*** Opening Information given ***

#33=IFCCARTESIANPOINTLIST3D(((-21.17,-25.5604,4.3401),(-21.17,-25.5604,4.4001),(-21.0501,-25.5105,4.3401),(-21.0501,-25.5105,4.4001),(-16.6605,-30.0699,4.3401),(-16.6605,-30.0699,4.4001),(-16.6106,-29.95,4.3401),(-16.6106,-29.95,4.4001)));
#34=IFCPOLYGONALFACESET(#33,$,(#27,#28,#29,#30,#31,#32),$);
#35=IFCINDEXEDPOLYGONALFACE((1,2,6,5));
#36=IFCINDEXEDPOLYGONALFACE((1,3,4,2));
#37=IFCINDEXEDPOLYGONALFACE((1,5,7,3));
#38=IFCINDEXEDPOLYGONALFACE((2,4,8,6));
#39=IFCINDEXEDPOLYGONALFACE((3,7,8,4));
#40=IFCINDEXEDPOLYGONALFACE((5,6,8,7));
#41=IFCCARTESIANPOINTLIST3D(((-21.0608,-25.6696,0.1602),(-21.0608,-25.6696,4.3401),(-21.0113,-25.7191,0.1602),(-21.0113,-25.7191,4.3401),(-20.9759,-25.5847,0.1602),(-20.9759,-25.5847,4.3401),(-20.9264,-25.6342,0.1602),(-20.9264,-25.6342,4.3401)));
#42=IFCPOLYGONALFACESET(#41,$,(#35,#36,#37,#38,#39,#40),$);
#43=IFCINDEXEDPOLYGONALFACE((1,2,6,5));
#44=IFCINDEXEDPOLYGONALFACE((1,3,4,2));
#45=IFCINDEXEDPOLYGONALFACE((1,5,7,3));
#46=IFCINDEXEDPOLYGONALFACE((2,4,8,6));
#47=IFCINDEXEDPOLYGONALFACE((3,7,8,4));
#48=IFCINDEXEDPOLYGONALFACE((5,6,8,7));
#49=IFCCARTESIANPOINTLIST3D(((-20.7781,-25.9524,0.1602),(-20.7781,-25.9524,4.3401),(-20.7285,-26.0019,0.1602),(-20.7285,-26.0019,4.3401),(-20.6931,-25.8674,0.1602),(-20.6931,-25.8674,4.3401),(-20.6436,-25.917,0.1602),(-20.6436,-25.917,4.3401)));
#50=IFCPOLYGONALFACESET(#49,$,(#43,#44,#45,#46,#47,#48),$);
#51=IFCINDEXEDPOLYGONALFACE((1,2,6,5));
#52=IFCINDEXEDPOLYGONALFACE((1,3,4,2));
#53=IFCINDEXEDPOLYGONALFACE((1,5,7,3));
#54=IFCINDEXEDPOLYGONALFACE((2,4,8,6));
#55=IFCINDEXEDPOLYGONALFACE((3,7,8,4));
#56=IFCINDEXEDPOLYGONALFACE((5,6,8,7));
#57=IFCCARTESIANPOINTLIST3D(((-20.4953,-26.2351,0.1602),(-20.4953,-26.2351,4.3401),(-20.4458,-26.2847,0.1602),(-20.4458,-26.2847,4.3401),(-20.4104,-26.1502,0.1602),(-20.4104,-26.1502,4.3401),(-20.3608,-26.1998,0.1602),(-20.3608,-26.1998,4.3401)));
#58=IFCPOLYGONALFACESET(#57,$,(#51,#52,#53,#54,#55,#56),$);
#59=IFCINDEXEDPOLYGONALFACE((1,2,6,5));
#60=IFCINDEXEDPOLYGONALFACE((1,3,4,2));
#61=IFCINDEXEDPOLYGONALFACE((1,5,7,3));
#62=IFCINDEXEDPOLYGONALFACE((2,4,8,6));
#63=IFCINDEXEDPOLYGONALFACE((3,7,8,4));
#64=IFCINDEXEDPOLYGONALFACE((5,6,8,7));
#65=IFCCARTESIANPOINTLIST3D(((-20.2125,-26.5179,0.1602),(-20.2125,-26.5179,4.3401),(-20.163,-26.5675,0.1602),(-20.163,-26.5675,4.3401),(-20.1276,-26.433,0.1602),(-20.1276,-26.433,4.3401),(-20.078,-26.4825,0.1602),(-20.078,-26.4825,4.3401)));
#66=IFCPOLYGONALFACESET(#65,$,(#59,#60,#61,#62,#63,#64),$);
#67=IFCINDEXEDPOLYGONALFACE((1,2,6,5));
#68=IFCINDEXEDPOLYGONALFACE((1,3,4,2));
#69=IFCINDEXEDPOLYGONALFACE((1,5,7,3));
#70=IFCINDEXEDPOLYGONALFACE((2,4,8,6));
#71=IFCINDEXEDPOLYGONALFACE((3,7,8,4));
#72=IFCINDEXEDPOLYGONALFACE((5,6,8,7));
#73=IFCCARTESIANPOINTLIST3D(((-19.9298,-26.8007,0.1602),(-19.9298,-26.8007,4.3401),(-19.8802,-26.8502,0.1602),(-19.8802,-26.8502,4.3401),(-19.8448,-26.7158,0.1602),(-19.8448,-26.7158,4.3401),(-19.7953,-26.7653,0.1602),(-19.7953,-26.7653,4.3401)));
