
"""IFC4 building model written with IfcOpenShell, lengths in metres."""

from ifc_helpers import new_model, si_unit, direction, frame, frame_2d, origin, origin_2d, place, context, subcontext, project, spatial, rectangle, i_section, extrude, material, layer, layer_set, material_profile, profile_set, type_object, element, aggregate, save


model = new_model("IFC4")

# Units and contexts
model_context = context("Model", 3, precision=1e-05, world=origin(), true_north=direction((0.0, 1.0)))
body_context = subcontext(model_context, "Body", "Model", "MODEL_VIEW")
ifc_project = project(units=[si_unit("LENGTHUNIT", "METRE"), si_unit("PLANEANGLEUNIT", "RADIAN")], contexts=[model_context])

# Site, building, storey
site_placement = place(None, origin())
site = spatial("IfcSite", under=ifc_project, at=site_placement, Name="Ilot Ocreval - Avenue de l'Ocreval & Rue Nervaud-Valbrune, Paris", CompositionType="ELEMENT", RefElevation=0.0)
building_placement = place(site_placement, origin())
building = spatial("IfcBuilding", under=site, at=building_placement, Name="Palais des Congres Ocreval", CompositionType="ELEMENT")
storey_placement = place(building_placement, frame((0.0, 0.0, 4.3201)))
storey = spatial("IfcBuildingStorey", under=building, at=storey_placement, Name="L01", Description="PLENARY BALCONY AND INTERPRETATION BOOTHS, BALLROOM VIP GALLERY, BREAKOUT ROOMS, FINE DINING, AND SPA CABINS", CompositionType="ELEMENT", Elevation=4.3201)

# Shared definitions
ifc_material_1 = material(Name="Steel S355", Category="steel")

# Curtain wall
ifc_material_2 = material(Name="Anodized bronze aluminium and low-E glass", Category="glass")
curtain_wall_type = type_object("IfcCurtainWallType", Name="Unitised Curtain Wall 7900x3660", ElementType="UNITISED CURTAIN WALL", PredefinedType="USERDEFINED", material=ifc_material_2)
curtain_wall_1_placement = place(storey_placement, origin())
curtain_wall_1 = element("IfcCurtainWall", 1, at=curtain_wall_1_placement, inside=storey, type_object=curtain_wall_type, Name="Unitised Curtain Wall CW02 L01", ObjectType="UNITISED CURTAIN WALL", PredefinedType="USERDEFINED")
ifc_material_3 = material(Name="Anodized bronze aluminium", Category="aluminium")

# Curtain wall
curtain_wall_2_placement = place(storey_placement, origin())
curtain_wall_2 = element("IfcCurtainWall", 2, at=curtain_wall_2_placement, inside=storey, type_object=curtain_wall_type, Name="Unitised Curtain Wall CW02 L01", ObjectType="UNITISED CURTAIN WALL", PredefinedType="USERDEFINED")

*** Closing Information given ***

## Problem to solve
Your answer should be all lines from the data that contain "UNITISED".

## Answer to the exercise
curtain_wall_type = type_object("IfcCurtainWallType", Name="Unitised Curtain Wall 7900x3660", ElementType="UNITISED CURTAIN WALL", PredefinedType="USERDEFINED", material=ifc_material_2)
curtain_wall_1 = element("IfcCurtainWall", 1, at=curtain_wall_1_placement, inside=storey, type_object=curtain_wall_type, Name="Unitised Curtain Wall CW02 L01", ObjectType="UNITISED CURTAIN WALL", PredefinedType="USERDEFINED")
curtain_wall_2 = element("IfcCurtainWall", 2, at=curtain_wall_2_placement, inside=storey, type_object=curtain_wall_type, Name="Unitised Curtain Wall CW02 L01", ObjectType="UNITISED CURTAIN WALL", PredefinedType="USERDEFINED")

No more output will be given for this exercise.